TASK ITEM: Set out exactly, line by line, the stretch of data below that begins at the line containing "#155=IFCINDEXEDPOLYGONALFACE((7,8,12,11));" and ends at the line containing "#162=IFCINDEXEDPOLYGONALFACE((21,25,26,22));", with both ends kept.

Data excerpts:
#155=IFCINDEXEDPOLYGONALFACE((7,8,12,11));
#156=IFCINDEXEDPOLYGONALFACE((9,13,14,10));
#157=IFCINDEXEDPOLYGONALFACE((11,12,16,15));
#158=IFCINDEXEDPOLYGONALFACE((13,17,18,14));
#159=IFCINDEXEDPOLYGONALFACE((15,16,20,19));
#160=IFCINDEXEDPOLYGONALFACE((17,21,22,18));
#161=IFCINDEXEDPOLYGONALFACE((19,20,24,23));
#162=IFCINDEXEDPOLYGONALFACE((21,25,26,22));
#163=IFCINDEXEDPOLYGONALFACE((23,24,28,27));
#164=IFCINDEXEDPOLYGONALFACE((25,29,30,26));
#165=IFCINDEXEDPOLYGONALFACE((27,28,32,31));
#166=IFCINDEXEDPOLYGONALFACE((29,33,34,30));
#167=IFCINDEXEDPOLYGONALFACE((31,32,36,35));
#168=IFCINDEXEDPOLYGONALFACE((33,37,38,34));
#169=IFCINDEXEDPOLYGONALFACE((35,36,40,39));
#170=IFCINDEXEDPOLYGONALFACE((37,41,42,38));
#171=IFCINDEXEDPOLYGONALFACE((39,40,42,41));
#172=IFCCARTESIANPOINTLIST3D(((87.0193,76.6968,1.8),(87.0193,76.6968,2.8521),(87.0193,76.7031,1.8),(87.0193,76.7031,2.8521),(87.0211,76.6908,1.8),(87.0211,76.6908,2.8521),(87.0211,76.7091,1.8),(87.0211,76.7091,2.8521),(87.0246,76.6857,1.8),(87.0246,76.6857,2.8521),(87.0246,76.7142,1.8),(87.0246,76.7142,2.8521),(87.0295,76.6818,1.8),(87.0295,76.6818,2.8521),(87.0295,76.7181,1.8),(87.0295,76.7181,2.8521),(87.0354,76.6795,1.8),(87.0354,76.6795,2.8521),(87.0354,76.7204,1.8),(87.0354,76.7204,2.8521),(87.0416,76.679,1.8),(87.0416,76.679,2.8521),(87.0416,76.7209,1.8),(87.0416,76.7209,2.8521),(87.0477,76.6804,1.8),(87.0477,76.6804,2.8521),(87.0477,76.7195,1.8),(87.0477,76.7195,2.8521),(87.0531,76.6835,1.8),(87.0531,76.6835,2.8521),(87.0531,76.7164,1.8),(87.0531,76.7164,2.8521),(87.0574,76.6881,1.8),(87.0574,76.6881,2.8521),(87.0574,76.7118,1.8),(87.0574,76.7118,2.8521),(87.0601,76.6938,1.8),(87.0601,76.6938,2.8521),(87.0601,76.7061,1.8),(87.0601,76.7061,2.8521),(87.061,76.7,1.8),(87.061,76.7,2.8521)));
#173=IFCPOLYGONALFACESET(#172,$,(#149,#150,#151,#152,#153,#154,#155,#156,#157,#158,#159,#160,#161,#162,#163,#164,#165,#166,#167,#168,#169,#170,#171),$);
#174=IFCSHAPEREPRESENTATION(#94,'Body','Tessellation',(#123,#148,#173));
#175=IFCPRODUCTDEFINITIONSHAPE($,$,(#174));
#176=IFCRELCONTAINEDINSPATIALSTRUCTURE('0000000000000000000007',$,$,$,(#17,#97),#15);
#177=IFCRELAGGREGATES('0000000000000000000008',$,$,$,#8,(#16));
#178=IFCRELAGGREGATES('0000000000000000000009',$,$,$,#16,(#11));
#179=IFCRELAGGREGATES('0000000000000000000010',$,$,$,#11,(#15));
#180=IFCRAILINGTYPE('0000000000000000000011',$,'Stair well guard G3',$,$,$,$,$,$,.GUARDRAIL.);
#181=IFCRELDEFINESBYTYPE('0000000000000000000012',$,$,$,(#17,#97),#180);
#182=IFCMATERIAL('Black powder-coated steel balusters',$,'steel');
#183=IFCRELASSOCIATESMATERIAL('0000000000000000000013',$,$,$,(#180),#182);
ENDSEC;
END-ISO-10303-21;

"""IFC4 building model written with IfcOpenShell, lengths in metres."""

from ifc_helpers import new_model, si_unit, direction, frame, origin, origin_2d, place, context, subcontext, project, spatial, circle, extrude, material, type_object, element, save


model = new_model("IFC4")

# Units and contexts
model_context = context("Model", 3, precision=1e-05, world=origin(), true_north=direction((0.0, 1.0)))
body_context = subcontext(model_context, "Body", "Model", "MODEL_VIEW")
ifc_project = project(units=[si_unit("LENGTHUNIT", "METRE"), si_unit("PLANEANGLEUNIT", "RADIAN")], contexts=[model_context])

==

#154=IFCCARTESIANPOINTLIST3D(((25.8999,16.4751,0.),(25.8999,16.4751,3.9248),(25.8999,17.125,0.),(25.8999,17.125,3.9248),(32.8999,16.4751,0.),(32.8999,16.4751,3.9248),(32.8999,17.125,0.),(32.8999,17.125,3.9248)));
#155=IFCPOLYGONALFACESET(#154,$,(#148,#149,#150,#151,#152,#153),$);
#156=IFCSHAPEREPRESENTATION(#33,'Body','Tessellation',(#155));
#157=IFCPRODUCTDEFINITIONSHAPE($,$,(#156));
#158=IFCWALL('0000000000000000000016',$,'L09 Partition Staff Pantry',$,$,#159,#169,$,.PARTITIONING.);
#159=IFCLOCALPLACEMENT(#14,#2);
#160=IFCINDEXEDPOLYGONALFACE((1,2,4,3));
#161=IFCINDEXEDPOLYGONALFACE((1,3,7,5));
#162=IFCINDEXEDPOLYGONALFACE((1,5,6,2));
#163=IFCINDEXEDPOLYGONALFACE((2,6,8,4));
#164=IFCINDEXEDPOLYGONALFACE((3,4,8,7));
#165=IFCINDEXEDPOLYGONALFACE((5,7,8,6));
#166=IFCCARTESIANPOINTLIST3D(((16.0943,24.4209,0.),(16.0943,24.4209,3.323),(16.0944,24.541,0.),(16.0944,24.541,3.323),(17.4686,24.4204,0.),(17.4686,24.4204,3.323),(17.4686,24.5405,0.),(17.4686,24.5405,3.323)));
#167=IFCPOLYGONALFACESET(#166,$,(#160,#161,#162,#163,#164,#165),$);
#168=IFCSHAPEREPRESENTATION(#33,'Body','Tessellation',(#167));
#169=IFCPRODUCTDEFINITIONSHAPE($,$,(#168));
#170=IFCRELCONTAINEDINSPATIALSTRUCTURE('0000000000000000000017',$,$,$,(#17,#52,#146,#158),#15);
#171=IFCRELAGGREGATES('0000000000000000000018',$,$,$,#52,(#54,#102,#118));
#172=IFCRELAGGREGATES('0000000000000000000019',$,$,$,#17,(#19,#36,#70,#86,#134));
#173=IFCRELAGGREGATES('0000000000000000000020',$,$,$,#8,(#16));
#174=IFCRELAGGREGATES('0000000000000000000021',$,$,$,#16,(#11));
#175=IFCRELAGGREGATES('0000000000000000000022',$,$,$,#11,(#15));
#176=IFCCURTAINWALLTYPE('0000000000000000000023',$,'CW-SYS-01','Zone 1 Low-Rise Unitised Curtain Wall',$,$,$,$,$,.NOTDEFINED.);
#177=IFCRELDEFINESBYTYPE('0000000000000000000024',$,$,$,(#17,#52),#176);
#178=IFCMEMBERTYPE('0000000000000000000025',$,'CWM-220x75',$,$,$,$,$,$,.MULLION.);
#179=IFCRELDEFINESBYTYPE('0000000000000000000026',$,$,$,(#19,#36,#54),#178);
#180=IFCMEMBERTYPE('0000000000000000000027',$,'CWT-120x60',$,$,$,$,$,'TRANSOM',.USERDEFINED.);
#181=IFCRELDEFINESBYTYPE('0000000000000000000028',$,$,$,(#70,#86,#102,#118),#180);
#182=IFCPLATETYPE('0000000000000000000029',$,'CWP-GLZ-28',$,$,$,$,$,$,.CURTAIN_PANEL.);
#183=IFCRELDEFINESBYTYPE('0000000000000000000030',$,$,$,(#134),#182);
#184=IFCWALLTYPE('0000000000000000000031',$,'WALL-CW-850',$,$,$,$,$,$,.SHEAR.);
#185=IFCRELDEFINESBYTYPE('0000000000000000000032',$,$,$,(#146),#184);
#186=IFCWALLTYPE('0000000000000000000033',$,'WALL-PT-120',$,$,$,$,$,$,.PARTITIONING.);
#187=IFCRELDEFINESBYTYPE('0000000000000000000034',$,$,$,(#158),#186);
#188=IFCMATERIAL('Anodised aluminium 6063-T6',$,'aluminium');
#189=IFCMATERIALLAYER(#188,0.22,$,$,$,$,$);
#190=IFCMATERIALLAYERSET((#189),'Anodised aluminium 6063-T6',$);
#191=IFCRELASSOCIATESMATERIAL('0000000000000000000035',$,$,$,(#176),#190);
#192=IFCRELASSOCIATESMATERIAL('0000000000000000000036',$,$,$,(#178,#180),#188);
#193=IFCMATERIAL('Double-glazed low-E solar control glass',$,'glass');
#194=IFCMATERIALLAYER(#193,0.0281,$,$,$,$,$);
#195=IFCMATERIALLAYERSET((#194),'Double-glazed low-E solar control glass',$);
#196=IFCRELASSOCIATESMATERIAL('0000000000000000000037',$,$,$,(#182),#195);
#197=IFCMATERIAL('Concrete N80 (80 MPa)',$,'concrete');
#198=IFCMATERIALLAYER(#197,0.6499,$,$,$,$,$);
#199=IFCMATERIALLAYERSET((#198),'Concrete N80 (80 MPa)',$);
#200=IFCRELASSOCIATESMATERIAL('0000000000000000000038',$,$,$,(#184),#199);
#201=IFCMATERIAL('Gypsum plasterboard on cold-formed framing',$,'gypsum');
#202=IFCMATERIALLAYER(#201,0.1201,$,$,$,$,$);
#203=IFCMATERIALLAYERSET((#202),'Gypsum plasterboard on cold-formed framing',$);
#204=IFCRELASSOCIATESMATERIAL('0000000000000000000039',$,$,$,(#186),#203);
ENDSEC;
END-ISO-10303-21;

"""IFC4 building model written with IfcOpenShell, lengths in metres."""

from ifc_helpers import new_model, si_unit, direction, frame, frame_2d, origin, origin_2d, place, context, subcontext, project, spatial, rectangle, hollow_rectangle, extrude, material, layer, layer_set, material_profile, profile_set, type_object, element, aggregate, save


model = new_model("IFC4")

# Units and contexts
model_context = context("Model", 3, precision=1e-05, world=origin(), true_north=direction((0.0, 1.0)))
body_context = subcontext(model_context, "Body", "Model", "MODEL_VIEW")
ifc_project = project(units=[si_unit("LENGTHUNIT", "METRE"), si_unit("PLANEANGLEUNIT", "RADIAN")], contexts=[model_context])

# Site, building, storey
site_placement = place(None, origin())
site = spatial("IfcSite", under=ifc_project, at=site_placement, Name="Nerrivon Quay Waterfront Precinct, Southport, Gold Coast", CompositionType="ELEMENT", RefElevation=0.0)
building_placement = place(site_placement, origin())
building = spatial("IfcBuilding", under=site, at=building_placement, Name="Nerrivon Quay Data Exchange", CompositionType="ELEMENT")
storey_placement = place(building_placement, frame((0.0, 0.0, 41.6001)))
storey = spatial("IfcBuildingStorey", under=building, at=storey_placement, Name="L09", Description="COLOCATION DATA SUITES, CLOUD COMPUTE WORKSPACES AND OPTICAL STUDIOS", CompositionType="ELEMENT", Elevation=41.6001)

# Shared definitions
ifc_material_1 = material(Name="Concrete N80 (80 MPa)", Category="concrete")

TASK SOLUTION:
#155=IFCINDEXEDPOLYGONALFACE((7,8,12,11));
#156=IFCINDEXEDPOLYGONALFACE((9,13,14,10));
#157=IFCINDEXEDPOLYGONALFACE((11,12,16,15));
#158=IFCINDEXEDPOLYGONALFACE((13,17,18,14));
#159=IFCINDEXEDPOLYGONALFACE((15,16,20,19));
#160=IFCINDEXEDPOLYGONALFACE((17,21,22,18));
#161=IFCINDEXEDPOLYGONALFACE((19,20,24,23));
#162=IFCINDEXEDPOLYGONALFACE((21,25,26,22));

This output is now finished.